§ Entries taken from a collection
◇ ◇ ◇
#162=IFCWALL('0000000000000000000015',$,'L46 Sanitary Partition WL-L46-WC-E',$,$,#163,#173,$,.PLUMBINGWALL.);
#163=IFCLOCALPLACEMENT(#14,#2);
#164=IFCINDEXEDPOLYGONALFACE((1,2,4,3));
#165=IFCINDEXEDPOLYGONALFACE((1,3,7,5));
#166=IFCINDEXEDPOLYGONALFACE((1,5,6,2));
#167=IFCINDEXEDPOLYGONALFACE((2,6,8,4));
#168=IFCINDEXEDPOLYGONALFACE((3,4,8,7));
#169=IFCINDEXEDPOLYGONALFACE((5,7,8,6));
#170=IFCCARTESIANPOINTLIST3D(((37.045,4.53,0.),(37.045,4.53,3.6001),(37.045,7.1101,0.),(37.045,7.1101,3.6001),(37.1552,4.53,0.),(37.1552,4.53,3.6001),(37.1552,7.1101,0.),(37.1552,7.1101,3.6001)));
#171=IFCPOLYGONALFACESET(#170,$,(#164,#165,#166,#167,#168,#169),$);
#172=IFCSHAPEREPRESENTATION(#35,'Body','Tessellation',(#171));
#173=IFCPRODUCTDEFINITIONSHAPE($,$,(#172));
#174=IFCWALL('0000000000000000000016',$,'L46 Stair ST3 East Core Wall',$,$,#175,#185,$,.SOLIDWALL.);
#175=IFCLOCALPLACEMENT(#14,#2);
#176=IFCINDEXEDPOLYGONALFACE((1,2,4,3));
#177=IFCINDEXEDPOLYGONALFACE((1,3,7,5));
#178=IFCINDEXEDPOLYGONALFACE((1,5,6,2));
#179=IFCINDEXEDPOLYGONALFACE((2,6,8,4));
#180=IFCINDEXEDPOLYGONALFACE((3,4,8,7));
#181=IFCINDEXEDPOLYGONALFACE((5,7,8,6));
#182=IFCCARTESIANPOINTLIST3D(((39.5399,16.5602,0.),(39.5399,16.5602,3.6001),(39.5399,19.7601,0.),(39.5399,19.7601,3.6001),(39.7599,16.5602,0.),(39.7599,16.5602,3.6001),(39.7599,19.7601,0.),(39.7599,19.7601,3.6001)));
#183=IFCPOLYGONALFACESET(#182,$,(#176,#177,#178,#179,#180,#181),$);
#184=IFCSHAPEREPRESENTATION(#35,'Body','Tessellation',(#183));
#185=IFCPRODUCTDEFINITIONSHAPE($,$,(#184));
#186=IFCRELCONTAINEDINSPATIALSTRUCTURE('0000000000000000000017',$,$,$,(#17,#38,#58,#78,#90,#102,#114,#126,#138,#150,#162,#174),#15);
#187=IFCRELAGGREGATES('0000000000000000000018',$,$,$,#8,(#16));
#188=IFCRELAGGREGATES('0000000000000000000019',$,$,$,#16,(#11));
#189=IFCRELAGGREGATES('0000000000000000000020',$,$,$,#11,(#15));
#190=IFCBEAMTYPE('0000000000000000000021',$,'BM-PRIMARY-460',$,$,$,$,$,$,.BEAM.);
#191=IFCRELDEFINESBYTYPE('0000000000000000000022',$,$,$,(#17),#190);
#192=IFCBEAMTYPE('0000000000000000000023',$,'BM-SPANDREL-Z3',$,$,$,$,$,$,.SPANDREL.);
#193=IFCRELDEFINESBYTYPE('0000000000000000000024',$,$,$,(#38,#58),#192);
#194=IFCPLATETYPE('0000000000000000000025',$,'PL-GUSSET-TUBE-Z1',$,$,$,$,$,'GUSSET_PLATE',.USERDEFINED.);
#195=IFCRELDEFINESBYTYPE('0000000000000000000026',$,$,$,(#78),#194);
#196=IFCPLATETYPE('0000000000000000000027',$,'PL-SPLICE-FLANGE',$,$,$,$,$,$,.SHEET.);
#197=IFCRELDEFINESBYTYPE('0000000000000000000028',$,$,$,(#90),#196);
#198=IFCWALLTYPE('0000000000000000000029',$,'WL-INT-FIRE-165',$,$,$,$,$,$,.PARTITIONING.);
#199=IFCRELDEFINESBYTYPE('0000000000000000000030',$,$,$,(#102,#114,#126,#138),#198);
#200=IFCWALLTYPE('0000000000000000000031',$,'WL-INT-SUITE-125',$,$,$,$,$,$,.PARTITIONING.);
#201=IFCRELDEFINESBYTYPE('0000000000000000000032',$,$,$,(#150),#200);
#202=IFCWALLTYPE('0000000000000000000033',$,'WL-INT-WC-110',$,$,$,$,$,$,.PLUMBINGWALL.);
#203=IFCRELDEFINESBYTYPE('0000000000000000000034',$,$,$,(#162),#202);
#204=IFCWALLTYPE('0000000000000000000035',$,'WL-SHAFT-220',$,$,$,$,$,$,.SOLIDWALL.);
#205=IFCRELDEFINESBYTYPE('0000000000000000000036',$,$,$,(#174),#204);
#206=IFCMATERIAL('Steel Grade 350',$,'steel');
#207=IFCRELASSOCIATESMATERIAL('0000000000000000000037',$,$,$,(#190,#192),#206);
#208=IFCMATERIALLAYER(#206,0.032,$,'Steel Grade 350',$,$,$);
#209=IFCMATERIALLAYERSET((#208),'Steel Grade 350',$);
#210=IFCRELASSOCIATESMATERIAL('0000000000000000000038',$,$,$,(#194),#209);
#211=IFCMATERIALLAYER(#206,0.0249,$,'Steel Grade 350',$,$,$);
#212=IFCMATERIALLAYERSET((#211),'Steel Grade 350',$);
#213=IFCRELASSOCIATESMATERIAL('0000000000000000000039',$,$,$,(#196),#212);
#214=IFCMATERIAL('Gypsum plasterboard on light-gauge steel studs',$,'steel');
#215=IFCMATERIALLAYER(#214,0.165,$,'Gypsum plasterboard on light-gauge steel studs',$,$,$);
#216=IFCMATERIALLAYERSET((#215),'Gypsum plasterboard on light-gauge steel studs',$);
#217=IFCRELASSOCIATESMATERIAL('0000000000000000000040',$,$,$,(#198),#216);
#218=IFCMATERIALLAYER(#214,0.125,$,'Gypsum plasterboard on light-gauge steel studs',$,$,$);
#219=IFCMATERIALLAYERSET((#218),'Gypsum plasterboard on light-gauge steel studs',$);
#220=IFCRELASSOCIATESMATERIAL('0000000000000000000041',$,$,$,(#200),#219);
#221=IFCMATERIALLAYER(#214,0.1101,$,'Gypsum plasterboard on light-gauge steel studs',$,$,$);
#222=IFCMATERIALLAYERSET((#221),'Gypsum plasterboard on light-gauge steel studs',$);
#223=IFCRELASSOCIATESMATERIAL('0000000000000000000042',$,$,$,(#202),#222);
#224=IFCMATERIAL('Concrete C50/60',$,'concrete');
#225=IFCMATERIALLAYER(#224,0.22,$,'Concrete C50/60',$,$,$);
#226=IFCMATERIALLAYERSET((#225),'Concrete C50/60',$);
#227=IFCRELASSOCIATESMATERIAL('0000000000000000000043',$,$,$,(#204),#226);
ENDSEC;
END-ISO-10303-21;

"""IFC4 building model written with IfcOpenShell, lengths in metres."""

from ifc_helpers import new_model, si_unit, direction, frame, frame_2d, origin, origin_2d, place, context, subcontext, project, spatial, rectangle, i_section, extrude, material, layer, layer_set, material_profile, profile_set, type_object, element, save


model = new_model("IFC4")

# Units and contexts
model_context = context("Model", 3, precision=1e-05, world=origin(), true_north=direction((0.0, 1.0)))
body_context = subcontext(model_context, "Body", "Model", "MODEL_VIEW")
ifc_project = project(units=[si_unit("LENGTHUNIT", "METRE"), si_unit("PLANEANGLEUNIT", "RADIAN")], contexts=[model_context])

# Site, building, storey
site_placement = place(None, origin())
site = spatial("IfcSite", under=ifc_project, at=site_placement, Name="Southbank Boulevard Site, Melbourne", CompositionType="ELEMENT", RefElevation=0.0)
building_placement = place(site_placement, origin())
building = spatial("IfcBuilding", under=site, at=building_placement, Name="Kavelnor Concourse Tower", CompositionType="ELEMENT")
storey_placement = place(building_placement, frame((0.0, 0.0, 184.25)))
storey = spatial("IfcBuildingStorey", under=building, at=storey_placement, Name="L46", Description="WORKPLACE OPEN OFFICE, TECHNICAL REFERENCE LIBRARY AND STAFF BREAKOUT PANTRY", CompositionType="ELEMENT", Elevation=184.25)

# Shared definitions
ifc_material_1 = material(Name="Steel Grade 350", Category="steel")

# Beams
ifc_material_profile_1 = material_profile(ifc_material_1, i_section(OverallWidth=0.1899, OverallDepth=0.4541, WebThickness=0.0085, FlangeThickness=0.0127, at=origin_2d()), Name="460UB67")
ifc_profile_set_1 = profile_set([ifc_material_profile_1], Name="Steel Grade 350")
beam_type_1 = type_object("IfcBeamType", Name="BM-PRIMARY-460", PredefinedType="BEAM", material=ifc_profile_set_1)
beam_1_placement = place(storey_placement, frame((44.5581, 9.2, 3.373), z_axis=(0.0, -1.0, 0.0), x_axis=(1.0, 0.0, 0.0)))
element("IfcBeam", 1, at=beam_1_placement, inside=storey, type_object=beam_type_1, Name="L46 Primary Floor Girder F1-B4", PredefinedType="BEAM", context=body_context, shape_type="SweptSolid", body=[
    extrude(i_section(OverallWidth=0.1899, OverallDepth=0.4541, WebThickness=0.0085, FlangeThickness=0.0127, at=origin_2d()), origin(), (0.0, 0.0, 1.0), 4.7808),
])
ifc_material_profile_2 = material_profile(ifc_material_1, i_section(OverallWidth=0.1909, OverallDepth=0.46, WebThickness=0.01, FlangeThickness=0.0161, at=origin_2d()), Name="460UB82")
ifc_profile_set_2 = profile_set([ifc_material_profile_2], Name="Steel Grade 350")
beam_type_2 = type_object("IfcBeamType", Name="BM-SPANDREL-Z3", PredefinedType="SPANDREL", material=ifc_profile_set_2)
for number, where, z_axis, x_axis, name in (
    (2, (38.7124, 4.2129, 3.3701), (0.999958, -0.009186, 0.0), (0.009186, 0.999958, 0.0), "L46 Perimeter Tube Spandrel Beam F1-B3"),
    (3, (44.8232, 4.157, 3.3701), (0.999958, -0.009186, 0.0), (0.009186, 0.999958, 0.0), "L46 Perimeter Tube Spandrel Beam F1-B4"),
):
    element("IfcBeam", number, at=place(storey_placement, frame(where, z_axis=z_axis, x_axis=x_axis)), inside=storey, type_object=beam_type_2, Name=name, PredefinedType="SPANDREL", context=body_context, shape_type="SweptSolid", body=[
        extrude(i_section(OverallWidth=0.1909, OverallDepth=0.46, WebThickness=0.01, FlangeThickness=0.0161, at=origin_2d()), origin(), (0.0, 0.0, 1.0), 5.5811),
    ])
◇ ◇ ◇
§ Aim of the task
Will you return exactly the lines above from the one with "#167=IFCINDEXEDPOLYGONALFACE((2,6,8,4));" down to the one with "#172=IFCSHAPEREPRESENTATION(#35,'Body','Tessellation',(#171));", counting both as part of the range?

§ Written response
#167=IFCINDEXEDPOLYGONALFACE((2,6,8,4));
#168=IFCINDEXEDPOLYGONALFACE((3,4,8,7));
#169=IFCINDEXEDPOLYGONALFACE((5,7,8,6));
#170=IFCCARTESIANPOINTLIST3D(((37.045,4.53,0.),(37.045,4.53,3.6001),(37.045,7.1101,0.),(37.045,7.1101,3.6001),(37.1552,4.53,0.),(37.1552,4.53,3.6001),(37.1552,7.1101,0.),(37.1552,7.1101,3.6001)));
#171=IFCPOLYGONALFACESET(#170,$,(#164,#165,#166,#167,#168,#169),$);
#172=IFCSHAPEREPRESENTATION(#35,'Body','Tessellation',(#171));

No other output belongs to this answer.